Saved entries
+ + + + + + +
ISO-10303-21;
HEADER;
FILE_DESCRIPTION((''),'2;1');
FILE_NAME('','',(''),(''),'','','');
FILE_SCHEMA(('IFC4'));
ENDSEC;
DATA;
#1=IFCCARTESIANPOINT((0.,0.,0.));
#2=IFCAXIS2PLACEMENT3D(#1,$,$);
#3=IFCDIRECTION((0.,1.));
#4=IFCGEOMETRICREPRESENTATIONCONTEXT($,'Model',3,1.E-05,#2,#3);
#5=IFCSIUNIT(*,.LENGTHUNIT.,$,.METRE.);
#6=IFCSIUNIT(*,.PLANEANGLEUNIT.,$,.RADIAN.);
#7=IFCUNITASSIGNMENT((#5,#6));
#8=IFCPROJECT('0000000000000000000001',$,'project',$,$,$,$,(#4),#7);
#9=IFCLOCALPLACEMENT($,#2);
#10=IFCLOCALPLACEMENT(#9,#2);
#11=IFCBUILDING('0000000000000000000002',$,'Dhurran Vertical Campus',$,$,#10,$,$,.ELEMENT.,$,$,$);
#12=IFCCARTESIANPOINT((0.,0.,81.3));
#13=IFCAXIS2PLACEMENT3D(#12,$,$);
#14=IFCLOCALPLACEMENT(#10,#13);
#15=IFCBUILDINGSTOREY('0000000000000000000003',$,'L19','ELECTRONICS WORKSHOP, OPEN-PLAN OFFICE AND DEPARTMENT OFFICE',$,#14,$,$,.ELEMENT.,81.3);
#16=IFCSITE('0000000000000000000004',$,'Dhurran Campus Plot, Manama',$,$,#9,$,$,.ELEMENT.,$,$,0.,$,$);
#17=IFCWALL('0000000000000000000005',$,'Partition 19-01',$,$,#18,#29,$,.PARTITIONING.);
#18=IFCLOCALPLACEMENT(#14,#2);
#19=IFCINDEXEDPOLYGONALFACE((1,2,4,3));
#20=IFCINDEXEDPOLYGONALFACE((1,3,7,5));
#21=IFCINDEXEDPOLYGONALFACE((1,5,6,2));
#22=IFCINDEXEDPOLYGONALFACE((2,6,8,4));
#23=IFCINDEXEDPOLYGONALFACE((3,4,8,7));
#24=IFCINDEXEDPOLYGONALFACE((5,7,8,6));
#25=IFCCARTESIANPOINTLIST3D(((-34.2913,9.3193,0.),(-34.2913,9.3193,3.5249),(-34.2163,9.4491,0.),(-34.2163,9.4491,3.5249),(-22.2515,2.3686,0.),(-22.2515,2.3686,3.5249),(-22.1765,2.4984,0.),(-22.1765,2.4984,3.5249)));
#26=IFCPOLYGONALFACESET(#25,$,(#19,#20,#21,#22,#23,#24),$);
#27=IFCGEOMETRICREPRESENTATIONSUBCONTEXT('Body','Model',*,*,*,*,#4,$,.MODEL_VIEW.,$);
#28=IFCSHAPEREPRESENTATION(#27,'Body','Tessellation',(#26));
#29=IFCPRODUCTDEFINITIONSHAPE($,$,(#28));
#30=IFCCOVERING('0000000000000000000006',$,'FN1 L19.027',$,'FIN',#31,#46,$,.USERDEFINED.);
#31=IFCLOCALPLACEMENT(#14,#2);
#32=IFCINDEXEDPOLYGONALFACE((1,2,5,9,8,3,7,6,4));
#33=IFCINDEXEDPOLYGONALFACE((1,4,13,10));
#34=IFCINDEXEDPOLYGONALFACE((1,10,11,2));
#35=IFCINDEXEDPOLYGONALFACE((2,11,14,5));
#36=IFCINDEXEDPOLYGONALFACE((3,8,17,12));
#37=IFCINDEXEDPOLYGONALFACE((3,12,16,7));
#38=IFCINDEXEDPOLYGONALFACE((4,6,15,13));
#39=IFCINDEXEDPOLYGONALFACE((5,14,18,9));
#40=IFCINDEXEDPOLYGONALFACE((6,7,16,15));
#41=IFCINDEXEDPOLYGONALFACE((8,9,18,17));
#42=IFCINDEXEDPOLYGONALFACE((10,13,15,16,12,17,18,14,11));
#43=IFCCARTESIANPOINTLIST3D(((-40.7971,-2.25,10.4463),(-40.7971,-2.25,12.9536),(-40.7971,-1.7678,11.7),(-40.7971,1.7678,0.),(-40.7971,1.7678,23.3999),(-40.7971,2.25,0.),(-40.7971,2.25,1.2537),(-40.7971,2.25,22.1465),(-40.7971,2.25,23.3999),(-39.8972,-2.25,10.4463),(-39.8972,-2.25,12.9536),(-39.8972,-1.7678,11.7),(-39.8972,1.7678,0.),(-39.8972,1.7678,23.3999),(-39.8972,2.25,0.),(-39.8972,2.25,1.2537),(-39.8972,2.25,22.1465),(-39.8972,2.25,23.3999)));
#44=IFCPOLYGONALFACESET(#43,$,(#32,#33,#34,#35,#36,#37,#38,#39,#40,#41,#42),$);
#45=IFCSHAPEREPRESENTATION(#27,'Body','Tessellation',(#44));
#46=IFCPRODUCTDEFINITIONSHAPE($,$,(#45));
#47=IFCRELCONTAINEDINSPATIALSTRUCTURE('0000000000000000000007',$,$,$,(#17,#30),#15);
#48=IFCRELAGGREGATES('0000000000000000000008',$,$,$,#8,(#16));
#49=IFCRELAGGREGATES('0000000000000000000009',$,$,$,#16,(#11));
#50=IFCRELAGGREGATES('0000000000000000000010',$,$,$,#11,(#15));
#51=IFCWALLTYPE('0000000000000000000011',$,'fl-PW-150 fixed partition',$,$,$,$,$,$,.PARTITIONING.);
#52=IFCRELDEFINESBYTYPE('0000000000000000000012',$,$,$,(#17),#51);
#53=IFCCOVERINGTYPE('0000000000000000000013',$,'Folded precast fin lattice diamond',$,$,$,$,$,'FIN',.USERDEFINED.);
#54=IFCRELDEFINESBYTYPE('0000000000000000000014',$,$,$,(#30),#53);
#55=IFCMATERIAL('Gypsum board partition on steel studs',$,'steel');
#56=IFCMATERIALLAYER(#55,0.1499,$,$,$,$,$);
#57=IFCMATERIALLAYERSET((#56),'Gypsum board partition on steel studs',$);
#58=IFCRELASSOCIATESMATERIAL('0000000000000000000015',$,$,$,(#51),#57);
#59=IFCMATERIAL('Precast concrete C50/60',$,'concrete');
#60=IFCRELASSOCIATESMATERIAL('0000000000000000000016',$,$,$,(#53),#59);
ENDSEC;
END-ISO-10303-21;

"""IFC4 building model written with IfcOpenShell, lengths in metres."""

from ifc_helpers import new_model, si_unit, direction, frame, frame_2d, origin, place, context, subcontext, project, spatial, polyline, rectangle, outline, extrude, material, layer, layer_set, type_object, element, save


model = new_model("IFC4")

# Units and contexts
model_context = context("Model", 3, precision=1e-05, world=origin(), true_north=direction((0.0, 1.0)))
body_context = subcontext(model_context, "Body", "Model", "MODEL_VIEW")
ifc_project = project(units=[si_unit("LENGTHUNIT", "METRE"), si_unit("PLANEANGLEUNIT", "RADIAN")], contexts=[model_context])

# Site, building, storey
site_placement = place(None, origin())
site = spatial("IfcSite", under=ifc_project, at=site_placement, Name="Dhurran Campus Plot, Manama", CompositionType="ELEMENT", RefElevation=0.0)
building_placement = place(site_placement, origin())
building = spatial("IfcBuilding", under=site, at=building_placement, Name="Dhurran Vertical Campus", CompositionType="ELEMENT")
storey_placement = place(building_placement, frame((0.0, 0.0, 81.3)))
storey = spatial("IfcBuildingStorey", under=building, at=storey_placement, Name="L19", Description="ELECTRONICS WORKSHOP, OPEN-PLAN OFFICE AND DEPARTMENT OFFICE", CompositionType="ELEMENT", Elevation=81.3)

# Wall
ifc_material_1 = material(Name="Gypsum board partition on steel studs", Category="steel")
ifc_layer_1 = layer(ifc_material_1, 0.1499)
ifc_layer_set_1 = layer_set([ifc_layer_1], Name="Gypsum board partition on steel studs")
wall_type_1 = type_object("IfcWallType", Name="fl-PW-150 fixed partition", PredefinedType="PARTITIONING", material=ifc_layer_set_1)
wall_1_placement = place(storey_placement, frame((-34.2539, 9.3843, 0.0), z_axis=(0.0, 0.0, 1.0), x_axis=(0.866041, -0.499973, 0.0)))
element("IfcWall", 1, at=wall_1_placement, inside=storey, type_object=wall_type_1, Name="Partition 19-01", PredefinedType="PARTITIONING", context=body_context, shape_type="SweptSolid", body=[
    extrude(rectangle(XDim=13.9021, YDim=0.1499, at=frame_2d((6.9512, 0.0))), origin(), (0.0, 0.0, 1.0), 3.5249),
])

# Covering
ifc_material_2 = material(Name="Precast concrete C50/60", Category="concrete")
covering_type = type_object("IfcCoveringType", Name="Folded precast fin lattice diamond", ElementType="FIN", PredefinedType="USERDEFINED", material=ifc_material_2)
covering_1_placement = place(storey_placement, frame((-39.8972, 2.25, 0.0), z_axis=(-1.0, 0.0, 0.0), x_axis=(0.0, -1.0, 0.0)))
element("IfcCovering", 2, at=covering_1_placement, inside=storey, type_object=covering_type, Name="FN1 L19.027", ObjectType="FIN", PredefinedType="USERDEFINED", context=body_context, shape_type="SweptSolid", body=[
    extrude(outline(polyline([(4.5, 10.4463), (0.4822, 0.0), (0.0, 0.0), (0.0, 1.2537), (4.0178, 11.7), (0.0, 22.1465), (0.0, 23.3999), (0.4822, 23.3999), (4.5, 12.9536), (4.5, 10.4463)])), origin(), (0.0, 0.0, 1.0), 0.8999),
])

save(model, "model.ifc")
+ + + + + + +
* Description of the task
Copy exactly the lines from the top of the entries through the line with "Campus Plot, Manama',$,$,#9,$,$,.ELEMENT.,$,$,0.,$,$);" in it, please, keeping both ends and adding nothing.

* Answer below
ISO-10303-21;
HEADER;
FILE_DESCRIPTION((''),'2;1');
FILE_NAME('','',(''),(''),'','','');
FILE_SCHEMA(('IFC4'));
ENDSEC;
DATA;
#1=IFCCARTESIANPOINT((0.,0.,0.));
#2=IFCAXIS2PLACEMENT3D(#1,$,$);
#3=IFCDIRECTION((0.,1.));
#4=IFCGEOMETRICREPRESENTATIONCONTEXT($,'Model',3,1.E-05,#2,#3);
#5=IFCSIUNIT(*,.LENGTHUNIT.,$,.METRE.);
#6=IFCSIUNIT(*,.PLANEANGLEUNIT.,$,.RADIAN.);
#7=IFCUNITASSIGNMENT((#5,#6));
#8=IFCPROJECT('0000000000000000000001',$,'project',$,$,$,$,(#4),#7);
#9=IFCLOCALPLACEMENT($,#2);
#10=IFCLOCALPLACEMENT(#9,#2);
#11=IFCBUILDING('0000000000000000000002',$,'Dhurran Vertical Campus',$,$,#10,$,$,.ELEMENT.,$,$,$);
#12=IFCCARTESIANPOINT((0.,0.,81.3));
#13=IFCAXIS2PLACEMENT3D(#12,$,$);
#14=IFCLOCALPLACEMENT(#10,#13);
#15=IFCBUILDINGSTOREY('0000000000000000000003',$,'L19','ELECTRONICS WORKSHOP, OPEN-PLAN OFFICE AND DEPARTMENT OFFICE',$,#14,$,$,.ELEMENT.,81.3);
#16=IFCSITE('0000000000000000000004',$,'Dhurran Campus Plot, Manama',$,$,#9,$,$,.ELEMENT.,$,$,0.,$,$);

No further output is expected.